WHAT IS BEING ASKED ▸
Give the records back in full, exactly as they read.

Start of Block

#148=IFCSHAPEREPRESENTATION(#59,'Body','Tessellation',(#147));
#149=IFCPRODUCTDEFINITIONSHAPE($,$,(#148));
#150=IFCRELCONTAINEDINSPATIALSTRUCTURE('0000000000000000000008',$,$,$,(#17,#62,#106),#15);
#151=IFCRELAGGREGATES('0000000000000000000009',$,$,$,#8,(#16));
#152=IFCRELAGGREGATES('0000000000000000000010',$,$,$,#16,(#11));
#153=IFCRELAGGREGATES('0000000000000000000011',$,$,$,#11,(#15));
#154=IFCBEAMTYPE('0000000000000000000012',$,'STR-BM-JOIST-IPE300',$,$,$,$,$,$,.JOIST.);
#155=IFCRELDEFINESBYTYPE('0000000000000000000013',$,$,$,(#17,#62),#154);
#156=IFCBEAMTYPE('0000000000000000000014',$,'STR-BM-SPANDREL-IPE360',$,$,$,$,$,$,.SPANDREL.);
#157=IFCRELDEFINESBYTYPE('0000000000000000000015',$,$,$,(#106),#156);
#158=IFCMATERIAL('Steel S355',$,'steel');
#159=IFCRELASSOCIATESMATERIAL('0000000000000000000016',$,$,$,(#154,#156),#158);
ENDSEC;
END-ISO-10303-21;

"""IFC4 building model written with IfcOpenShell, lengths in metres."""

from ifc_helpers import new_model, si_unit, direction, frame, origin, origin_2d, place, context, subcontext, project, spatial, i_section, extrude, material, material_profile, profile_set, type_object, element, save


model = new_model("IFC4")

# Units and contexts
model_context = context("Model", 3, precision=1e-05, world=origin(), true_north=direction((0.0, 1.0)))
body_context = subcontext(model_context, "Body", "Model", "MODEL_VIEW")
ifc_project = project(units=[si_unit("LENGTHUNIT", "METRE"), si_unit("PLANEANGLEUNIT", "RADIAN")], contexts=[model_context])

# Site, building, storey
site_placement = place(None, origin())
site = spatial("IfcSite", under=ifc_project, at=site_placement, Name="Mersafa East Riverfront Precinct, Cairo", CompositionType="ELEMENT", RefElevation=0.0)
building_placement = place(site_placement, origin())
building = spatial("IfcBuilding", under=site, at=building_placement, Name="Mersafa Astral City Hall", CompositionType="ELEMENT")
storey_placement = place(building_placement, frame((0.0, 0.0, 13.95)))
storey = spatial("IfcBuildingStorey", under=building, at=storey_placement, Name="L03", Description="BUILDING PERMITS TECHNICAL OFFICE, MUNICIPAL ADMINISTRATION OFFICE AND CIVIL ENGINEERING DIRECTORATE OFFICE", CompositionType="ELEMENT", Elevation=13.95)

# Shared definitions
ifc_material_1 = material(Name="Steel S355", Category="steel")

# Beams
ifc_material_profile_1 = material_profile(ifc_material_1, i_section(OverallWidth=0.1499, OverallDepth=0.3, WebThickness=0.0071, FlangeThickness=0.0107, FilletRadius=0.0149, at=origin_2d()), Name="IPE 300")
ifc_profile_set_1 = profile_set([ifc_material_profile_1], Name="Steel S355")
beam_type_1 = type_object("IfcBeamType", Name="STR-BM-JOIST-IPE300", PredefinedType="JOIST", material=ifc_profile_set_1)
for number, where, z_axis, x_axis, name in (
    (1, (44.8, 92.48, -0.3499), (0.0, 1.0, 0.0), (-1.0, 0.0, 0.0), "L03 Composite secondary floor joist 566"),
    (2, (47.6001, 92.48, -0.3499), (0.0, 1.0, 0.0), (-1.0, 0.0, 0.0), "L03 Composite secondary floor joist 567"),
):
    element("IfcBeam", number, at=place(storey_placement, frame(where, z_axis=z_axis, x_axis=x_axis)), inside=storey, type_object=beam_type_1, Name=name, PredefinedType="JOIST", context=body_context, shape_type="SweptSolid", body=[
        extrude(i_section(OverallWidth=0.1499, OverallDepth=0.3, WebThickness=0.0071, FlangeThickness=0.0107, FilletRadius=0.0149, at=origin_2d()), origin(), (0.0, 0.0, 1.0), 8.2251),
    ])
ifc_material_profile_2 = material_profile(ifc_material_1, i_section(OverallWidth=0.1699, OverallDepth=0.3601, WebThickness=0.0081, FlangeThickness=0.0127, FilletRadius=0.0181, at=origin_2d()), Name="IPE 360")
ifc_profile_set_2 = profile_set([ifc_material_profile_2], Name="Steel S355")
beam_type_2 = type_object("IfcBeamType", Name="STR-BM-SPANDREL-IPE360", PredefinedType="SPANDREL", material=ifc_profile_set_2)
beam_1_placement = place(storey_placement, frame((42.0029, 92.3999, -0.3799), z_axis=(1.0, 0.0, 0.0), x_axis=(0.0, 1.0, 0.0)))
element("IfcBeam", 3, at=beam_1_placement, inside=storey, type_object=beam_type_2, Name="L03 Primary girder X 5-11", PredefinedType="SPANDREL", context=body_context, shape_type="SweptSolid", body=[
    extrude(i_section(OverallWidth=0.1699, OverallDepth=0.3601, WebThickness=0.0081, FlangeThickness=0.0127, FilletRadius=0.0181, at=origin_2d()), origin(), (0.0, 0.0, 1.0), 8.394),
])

End of Block

ANSWER BOX ▸
#148=IFCSHAPEREPRESENTATION(#59,'Body','Tessellation',(#147));
#149=IFCPRODUCTDEFINITIONSHAPE($,$,(#148));
#150=IFCRELCONTAINEDINSPATIALSTRUCTURE('0000000000000000000008',$,$,$,(#17,#62,#106),#15);
#151=IFCRELAGGREGATES('0000000000000000000009',$,$,$,#8,(#16));
#152=IFCRELAGGREGATES('0000000000000000000010',$,$,$,#16,(#11));
#153=IFCRELAGGREGATES('0000000000000000000011',$,$,$,#11,(#15));
#154=IFCBEAMTYPE('0000000000000000000012',$,'STR-BM-JOIST-IPE300',$,$,$,$,$,$,.JOIST.);
#155=IFCRELDEFINESBYTYPE('0000000000000000000013',$,$,$,(#17,#62),#154);
#156=IFCBEAMTYPE('0000000000000000000014',$,'STR-BM-SPANDREL-IPE360',$,$,$,$,$,$,.SPANDREL.);
#157=IFCRELDEFINESBYTYPE('0000000000000000000015',$,$,$,(#106),#156);
#158=IFCMATERIAL('Steel S355',$,'steel');
#159=IFCRELASSOCIATESMATERIAL('0000000000000000000016',$,$,$,(#154,#156),#158);
ENDSEC;
END-ISO-10303-21;

"""IFC4 building model written with IfcOpenShell, lengths in metres."""

from ifc_helpers import new_model, si_unit, direction, frame, origin, origin_2d, place, context, subcontext, project, spatial, i_section, extrude, material, material_profile, profile_set, type_object, element, save


model = new_model("IFC4")

# Units and contexts
model_context = context("Model", 3, precision=1e-05, world=origin(), true_north=direction((0.0, 1.0)))
body_context = subcontext(model_context, "Body", "Model", "MODEL_VIEW")
ifc_project = project(units=[si_unit("LENGTHUNIT", "METRE"), si_unit("PLANEANGLEUNIT", "RADIAN")], contexts=[model_context])

# Site, building, storey
site_placement = place(None, origin())
site = spatial("IfcSite", under=ifc_project, at=site_placement, Name="Mersafa East Riverfront Precinct, Cairo", CompositionType="ELEMENT", RefElevation=0.0)
building_placement = place(site_placement, origin())
building = spatial("IfcBuilding", under=site, at=building_placement, Name="Mersafa Astral City Hall", CompositionType="ELEMENT")
storey_placement = place(building_placement, frame((0.0, 0.0, 13.95)))
storey = spatial("IfcBuildingStorey", under=building, at=storey_placement, Name="L03", Description="BUILDING PERMITS TECHNICAL OFFICE, MUNICIPAL ADMINISTRATION OFFICE AND CIVIL ENGINEERING DIRECTORATE OFFICE", CompositionType="ELEMENT", Elevation=13.95)

# Shared definitions
ifc_material_1 = material(Name="Steel S355", Category="steel")

# Beams
ifc_material_profile_1 = material_profile(ifc_material_1, i_section(OverallWidth=0.1499, OverallDepth=0.3, WebThickness=0.0071, FlangeThickness=0.0107, FilletRadius=0.0149, at=origin_2d()), Name="IPE 300")
ifc_profile_set_1 = profile_set([ifc_material_profile_1], Name="Steel S355")
beam_type_1 = type_object("IfcBeamType", Name="STR-BM-JOIST-IPE300", PredefinedType="JOIST", material=ifc_profile_set_1)
for number, where, z_axis, x_axis, name in (
    (1, (44.8, 92.48, -0.3499), (0.0, 1.0, 0.0), (-1.0, 0.0, 0.0), "L03 Composite secondary floor joist 566"),
    (2, (47.6001, 92.48, -0.3499), (0.0, 1.0, 0.0), (-1.0, 0.0, 0.0), "L03 Composite secondary floor joist 567"),
):
    element("IfcBeam", number, at=place(storey_placement, frame(where, z_axis=z_axis, x_axis=x_axis)), inside=storey, type_object=beam_type_1, Name=name, PredefinedType="JOIST", context=body_context, shape_type="SweptSolid", body=[
        extrude(i_section(OverallWidth=0.1499, OverallDepth=0.3, WebThickness=0.0071, FlangeThickness=0.0107, FilletRadius=0.0149, at=origin_2d()), origin(), (0.0, 0.0, 1.0), 8.2251),
    ])
ifc_material_profile_2 = material_profile(ifc_material_1, i_section(OverallWidth=0.1699, OverallDepth=0.3601, WebThickness=0.0081, FlangeThickness=0.0127, FilletRadius=0.0181, at=origin_2d()), Name="IPE 360")
ifc_profile_set_2 = profile_set([ifc_material_profile_2], Name="Steel S355")
beam_type_2 = type_object("IfcBeamType", Name="STR-BM-SPANDREL-IPE360", PredefinedType="SPANDREL", material=ifc_profile_set_2)
beam_1_placement = place(storey_placement, frame((42.0029, 92.3999, -0.3799), z_axis=(1.0, 0.0, 0.0), x_axis=(0.0, 1.0, 0.0)))
element("IfcBeam", 3, at=beam_1_placement, inside=storey, type_object=beam_type_2, Name="L03 Primary girder X 5-11", PredefinedType="SPANDREL", context=body_context, shape_type="SweptSolid", body=[
    extrude(i_section(OverallWidth=0.1699, OverallDepth=0.3601, WebThickness=0.0081, FlangeThickness=0.0127, FilletRadius=0.0181, at=origin_2d()), origin(), (0.0, 0.0, 1.0), 8.394),
])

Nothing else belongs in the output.